**What you are asked to do:** Among the records below, find each line that includes the string "Fireboard" and copy it.

**Records provided:**

··········

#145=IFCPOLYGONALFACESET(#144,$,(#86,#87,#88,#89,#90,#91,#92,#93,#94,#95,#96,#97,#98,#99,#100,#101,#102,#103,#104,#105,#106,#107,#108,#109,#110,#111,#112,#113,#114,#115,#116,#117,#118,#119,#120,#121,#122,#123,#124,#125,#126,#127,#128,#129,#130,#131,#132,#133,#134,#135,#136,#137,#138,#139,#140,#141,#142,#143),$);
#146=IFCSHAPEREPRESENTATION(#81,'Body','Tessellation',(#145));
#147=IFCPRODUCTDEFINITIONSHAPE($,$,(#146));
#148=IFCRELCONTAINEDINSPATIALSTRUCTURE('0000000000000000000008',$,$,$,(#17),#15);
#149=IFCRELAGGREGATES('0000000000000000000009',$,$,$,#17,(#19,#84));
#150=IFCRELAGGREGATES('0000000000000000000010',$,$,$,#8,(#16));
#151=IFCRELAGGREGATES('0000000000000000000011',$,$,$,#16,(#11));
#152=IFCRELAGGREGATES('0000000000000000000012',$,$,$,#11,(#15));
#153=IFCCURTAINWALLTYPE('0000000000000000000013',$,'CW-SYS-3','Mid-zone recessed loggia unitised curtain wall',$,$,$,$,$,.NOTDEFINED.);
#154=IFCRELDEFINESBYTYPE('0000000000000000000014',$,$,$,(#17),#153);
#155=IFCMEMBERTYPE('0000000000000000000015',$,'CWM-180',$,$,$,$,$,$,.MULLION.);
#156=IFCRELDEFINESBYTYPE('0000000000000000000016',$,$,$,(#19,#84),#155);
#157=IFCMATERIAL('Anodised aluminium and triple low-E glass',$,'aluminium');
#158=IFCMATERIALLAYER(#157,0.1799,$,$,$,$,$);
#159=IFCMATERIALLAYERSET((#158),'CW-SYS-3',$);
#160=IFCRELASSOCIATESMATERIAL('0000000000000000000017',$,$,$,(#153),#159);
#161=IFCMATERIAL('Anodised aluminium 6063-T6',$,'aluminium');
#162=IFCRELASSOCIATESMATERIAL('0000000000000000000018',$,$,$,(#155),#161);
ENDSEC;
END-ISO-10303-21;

··········

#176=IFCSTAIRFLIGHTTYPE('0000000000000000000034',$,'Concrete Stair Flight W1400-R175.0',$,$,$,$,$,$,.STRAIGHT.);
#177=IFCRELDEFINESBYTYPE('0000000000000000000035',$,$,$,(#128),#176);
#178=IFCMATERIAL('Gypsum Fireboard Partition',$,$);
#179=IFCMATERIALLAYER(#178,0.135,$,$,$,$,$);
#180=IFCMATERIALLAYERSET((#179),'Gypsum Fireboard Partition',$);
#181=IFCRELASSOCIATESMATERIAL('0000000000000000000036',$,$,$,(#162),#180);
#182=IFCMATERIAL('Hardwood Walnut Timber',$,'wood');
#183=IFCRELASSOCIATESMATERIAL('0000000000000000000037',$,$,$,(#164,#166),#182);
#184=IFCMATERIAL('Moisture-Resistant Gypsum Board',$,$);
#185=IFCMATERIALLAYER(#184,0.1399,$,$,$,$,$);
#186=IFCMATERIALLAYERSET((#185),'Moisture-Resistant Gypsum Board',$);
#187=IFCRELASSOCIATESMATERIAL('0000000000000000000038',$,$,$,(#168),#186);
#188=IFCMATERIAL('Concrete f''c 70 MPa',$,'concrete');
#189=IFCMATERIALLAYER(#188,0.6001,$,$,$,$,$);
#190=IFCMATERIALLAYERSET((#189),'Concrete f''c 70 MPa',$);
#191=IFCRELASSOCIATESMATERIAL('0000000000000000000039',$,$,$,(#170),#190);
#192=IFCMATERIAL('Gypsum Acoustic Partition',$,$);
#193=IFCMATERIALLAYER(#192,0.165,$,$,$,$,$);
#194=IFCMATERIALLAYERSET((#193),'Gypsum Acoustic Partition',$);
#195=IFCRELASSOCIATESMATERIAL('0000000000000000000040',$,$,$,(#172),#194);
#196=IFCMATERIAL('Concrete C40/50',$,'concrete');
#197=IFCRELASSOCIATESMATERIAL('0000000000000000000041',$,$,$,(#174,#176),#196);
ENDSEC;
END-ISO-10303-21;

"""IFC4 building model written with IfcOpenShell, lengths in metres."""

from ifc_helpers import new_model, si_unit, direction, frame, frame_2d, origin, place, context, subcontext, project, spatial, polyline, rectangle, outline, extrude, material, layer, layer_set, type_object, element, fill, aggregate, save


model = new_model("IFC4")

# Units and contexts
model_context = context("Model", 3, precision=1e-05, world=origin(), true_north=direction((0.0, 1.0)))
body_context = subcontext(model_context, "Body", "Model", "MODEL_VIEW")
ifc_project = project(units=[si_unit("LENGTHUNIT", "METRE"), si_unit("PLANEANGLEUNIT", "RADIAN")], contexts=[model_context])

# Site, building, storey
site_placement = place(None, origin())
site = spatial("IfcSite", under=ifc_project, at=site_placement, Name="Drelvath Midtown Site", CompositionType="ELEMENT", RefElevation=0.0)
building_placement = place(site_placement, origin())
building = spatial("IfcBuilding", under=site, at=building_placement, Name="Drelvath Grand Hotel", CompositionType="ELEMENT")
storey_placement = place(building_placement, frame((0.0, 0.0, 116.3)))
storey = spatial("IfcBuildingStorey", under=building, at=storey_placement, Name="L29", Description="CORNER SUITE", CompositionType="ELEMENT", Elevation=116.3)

··········

**Exercise response:**
#178=IFCMATERIAL('Gypsum Fireboard Partition',$,$);
#180=IFCMATERIALLAYERSET((#179),'Gypsum Fireboard Partition',$);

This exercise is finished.